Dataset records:
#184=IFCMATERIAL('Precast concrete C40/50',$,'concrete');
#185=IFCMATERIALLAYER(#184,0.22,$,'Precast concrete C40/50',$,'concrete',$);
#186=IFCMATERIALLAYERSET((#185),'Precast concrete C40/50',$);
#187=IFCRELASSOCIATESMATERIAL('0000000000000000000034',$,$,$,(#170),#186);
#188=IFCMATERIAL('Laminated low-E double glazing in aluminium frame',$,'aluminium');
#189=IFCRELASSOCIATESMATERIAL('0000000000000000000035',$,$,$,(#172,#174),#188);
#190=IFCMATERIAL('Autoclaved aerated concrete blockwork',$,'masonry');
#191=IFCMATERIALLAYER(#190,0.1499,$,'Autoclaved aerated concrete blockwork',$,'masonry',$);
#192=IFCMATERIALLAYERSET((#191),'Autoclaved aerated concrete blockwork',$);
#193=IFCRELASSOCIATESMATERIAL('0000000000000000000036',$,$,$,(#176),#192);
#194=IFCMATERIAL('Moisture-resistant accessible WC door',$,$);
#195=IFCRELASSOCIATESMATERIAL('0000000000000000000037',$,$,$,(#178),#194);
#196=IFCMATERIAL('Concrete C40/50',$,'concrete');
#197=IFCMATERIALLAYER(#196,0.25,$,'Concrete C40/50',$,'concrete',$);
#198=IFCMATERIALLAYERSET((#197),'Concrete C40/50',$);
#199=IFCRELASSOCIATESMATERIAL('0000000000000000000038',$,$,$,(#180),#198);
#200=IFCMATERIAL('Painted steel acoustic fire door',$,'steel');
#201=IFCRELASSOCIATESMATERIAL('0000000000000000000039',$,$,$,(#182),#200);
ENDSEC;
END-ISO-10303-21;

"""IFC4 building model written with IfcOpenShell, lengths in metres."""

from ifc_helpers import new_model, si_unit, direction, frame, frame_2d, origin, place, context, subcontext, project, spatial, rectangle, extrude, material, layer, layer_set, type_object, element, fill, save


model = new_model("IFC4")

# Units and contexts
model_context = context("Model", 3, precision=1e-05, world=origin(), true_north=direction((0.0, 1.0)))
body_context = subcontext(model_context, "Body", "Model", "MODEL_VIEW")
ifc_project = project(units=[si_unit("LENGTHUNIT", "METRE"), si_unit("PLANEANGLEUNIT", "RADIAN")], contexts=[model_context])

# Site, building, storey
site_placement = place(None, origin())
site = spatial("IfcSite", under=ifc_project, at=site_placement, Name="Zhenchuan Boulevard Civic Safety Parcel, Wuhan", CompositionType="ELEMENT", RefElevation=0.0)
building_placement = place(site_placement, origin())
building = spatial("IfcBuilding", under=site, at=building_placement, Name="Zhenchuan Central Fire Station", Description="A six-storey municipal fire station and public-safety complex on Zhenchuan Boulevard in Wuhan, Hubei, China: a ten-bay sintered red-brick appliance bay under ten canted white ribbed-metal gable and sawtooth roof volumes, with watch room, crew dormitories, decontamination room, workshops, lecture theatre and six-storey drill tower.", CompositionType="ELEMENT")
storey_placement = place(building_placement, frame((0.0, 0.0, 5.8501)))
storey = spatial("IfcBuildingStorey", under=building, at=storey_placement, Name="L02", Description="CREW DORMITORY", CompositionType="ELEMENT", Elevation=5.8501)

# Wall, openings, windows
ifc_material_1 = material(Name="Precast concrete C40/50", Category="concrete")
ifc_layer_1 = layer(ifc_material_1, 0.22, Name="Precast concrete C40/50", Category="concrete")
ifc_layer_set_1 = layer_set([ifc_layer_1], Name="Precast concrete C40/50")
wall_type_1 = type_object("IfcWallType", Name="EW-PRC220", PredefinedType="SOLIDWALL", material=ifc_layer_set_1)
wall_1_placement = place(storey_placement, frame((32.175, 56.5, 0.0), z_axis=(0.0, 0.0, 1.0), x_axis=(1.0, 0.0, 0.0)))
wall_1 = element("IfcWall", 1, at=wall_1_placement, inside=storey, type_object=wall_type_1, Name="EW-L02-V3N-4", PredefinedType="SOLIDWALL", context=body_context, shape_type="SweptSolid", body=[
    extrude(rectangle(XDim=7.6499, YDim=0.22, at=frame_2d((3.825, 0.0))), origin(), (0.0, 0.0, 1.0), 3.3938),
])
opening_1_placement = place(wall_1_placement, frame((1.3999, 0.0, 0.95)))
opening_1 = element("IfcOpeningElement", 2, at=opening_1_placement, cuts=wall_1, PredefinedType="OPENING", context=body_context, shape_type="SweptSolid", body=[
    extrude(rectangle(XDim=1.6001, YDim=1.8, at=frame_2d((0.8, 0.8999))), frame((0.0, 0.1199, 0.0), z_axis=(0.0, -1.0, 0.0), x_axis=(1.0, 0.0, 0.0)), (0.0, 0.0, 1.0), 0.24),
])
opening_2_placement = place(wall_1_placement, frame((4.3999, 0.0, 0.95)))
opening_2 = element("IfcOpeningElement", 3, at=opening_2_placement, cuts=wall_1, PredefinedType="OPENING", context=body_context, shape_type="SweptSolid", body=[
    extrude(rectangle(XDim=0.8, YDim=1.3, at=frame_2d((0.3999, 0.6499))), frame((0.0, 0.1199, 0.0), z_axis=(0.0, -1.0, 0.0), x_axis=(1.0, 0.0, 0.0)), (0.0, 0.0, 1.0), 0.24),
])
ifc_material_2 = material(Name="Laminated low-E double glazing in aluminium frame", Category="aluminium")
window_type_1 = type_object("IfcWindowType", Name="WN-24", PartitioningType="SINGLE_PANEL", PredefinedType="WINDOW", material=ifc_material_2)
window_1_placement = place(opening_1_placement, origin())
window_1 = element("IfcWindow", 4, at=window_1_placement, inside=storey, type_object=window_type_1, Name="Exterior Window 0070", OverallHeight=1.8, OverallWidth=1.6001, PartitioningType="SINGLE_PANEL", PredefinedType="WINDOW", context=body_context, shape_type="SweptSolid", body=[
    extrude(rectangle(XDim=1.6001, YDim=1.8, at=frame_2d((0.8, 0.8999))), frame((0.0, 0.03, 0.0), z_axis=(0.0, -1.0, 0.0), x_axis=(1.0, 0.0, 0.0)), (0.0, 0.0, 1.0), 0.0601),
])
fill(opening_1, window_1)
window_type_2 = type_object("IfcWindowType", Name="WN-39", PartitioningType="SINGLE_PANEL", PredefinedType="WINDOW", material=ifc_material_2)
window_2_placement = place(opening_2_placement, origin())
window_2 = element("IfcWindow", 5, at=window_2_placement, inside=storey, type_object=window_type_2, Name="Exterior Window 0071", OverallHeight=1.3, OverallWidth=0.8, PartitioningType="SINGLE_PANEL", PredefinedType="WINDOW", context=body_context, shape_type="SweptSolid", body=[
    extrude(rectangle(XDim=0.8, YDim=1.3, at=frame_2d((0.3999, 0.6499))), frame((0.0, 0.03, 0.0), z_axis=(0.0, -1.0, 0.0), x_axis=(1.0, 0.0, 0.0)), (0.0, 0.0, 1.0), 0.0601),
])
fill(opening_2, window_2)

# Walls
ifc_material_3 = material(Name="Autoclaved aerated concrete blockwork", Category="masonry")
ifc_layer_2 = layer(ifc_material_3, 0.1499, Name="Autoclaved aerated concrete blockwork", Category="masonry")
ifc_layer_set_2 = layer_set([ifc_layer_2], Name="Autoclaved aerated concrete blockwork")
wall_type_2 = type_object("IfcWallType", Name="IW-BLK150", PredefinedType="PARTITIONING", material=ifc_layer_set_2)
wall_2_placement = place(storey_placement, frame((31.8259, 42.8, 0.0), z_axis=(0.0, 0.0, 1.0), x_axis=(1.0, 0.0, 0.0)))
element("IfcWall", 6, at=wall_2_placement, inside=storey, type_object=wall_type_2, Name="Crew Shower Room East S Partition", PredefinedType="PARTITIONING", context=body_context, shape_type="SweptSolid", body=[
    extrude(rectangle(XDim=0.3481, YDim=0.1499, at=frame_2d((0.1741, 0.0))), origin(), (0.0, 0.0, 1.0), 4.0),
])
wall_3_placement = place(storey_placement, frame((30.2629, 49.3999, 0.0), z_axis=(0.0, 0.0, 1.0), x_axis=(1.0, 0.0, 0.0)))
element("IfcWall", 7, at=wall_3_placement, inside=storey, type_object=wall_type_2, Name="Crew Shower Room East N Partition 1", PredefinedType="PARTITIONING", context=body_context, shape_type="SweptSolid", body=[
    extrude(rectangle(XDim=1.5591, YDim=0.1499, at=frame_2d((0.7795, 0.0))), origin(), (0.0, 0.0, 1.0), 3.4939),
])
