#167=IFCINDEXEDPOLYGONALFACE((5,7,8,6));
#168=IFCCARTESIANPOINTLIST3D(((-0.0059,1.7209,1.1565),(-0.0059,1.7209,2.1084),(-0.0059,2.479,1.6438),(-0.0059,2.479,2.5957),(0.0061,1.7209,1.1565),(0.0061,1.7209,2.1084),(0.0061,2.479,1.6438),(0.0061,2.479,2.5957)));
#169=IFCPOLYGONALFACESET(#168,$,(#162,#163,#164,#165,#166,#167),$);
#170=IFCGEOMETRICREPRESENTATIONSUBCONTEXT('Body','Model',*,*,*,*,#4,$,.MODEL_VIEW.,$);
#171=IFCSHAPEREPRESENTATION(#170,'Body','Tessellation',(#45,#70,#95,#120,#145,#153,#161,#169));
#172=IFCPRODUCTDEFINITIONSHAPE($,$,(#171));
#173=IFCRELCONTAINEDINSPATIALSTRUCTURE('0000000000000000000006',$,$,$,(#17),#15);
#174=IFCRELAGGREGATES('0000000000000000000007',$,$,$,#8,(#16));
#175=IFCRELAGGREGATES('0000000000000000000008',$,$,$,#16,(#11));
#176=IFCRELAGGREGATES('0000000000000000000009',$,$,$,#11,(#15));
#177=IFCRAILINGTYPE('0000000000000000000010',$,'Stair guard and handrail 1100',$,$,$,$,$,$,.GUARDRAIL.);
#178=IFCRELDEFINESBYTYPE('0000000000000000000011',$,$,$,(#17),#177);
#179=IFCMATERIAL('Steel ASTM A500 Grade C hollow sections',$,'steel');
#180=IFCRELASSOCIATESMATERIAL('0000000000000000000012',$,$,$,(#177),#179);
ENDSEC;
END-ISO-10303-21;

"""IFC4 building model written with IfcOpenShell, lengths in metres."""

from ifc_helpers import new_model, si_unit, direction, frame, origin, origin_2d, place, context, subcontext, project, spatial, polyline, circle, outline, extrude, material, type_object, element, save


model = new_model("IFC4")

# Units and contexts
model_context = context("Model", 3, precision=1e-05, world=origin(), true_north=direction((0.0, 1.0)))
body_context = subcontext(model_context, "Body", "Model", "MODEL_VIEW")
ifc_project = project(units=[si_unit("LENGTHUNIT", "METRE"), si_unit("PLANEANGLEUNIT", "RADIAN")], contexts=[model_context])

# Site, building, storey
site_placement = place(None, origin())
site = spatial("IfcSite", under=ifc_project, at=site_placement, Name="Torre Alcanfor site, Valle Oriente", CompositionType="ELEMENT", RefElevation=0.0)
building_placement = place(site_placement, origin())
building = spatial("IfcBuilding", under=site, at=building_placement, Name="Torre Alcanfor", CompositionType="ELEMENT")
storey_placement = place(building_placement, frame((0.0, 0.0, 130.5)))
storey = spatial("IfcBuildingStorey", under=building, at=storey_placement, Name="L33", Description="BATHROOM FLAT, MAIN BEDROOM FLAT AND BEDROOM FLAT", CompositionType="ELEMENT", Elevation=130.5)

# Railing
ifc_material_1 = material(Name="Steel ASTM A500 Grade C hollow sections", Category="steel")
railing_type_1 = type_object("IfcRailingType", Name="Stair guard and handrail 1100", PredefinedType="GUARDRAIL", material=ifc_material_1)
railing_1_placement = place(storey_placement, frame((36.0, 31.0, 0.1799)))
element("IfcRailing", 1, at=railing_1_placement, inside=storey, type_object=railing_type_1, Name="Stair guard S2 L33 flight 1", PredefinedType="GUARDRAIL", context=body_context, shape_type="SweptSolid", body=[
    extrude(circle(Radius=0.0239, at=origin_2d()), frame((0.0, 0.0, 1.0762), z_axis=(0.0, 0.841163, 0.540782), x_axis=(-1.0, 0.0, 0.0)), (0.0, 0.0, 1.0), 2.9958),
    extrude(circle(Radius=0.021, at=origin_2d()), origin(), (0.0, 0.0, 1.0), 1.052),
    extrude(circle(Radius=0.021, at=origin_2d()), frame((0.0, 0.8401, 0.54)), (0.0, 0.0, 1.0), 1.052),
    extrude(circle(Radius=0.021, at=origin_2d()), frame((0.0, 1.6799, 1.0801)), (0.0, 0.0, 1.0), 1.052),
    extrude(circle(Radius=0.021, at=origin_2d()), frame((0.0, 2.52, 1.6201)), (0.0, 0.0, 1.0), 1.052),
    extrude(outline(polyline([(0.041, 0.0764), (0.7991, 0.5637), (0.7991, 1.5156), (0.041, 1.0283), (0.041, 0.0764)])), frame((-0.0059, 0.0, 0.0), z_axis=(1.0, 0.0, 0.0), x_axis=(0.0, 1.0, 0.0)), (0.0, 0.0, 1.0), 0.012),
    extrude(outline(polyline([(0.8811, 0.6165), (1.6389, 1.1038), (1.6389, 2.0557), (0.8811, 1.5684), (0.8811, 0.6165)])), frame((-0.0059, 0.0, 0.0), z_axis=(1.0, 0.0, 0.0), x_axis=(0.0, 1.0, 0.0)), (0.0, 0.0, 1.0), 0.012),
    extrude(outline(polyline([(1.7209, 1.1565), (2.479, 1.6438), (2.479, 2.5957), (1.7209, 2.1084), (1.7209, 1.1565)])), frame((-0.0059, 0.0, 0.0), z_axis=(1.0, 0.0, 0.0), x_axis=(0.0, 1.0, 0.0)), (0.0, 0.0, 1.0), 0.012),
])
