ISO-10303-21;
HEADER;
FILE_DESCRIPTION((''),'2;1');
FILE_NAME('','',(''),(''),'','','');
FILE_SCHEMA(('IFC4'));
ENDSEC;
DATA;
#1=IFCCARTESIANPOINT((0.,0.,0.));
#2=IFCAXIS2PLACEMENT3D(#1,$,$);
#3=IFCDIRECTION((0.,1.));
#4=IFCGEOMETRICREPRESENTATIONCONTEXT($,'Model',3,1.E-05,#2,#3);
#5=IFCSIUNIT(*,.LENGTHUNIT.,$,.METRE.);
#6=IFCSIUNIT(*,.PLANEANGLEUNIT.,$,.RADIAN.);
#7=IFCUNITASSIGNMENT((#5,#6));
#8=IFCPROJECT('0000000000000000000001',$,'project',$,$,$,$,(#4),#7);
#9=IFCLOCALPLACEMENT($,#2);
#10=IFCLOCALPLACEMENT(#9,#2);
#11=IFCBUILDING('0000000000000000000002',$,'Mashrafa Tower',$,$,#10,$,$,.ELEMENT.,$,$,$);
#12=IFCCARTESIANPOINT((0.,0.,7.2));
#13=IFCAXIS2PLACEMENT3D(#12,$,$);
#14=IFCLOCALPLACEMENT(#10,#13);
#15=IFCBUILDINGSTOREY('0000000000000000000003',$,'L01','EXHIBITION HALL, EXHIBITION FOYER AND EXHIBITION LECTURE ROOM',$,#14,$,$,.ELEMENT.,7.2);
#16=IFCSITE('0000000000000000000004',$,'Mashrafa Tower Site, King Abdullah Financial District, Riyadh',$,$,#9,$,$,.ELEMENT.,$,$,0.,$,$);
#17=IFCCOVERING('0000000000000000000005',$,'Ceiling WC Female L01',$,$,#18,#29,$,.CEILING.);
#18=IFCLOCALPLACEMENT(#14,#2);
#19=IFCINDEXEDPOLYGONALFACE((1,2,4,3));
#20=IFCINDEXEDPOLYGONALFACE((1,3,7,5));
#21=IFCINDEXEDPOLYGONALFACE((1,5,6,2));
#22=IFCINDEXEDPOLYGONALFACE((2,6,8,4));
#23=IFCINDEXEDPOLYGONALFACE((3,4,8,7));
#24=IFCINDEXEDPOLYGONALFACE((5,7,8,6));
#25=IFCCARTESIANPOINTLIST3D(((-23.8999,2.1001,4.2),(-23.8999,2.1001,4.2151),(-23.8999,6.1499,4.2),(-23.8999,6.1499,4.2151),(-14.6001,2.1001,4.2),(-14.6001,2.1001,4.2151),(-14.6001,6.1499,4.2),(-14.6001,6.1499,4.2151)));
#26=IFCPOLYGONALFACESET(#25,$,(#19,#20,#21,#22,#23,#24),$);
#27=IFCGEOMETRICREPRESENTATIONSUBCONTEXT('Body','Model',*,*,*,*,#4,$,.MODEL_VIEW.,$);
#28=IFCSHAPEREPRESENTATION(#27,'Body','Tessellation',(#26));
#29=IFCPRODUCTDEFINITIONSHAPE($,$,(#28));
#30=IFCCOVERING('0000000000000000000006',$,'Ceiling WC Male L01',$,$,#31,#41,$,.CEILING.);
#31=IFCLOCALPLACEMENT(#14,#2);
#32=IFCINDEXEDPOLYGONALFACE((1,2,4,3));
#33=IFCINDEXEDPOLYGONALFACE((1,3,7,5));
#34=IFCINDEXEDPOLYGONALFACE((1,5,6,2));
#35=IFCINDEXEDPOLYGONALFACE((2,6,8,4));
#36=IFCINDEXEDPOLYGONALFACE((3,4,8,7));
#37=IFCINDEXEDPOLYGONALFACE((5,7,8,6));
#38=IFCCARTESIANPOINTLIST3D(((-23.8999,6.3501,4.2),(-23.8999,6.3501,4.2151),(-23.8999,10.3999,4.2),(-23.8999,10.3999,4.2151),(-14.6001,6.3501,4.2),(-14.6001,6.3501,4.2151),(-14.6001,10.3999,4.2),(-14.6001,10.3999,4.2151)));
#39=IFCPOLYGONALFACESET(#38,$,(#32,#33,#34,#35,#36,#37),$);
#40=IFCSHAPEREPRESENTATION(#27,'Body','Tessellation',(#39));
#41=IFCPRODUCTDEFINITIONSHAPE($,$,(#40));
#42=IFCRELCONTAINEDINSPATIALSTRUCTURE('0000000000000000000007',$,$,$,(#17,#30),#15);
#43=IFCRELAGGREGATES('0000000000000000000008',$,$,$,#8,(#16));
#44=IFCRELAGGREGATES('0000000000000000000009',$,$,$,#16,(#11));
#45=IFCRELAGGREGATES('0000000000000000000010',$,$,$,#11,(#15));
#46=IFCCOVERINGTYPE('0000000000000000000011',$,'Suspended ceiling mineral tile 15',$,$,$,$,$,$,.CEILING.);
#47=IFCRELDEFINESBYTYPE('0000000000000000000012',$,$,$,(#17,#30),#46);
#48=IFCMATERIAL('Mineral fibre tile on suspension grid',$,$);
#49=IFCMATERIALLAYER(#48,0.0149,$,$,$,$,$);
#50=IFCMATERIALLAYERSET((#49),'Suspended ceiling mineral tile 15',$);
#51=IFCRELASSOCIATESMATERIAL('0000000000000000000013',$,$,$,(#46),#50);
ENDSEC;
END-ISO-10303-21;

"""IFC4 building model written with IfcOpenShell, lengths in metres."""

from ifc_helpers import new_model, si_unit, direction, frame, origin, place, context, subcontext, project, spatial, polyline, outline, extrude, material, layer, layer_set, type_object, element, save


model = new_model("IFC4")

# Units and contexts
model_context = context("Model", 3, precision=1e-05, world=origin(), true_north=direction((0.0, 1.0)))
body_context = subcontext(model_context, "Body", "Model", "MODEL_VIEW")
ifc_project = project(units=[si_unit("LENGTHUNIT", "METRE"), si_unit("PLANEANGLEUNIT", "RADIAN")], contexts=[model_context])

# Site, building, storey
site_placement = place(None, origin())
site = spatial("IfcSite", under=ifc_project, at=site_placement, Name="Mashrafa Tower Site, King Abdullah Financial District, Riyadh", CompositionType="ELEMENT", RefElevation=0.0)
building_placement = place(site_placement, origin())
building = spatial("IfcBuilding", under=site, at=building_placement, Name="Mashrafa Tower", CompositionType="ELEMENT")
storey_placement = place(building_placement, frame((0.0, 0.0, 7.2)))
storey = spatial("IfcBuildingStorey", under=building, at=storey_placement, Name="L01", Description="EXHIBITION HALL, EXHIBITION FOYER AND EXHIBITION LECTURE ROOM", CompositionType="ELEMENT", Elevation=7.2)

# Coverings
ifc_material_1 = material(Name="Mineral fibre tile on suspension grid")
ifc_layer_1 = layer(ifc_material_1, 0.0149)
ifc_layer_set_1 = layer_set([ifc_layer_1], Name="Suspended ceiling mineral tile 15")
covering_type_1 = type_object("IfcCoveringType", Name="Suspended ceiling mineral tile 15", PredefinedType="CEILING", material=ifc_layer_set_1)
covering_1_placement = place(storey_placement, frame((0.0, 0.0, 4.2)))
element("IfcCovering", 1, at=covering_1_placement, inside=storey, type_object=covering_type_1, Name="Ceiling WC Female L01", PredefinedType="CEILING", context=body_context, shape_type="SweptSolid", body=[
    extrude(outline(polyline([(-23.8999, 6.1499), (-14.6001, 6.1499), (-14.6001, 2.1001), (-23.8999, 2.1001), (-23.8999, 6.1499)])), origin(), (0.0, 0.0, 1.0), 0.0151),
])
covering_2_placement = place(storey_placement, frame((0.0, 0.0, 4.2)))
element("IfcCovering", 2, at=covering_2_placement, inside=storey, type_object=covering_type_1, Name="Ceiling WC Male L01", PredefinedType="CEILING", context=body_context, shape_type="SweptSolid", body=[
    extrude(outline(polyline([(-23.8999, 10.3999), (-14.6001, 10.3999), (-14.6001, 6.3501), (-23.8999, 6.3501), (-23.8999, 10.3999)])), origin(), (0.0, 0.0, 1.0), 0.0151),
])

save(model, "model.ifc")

Problem statement: In the entries above, identify each line that includes the string "door", then copy it.

Solved exercise:
#194=IFCMATERIAL('Moisture-resistant accessible WC door',$,$);
#200=IFCMATERIAL('Painted steel acoustic fire door',$,'steel');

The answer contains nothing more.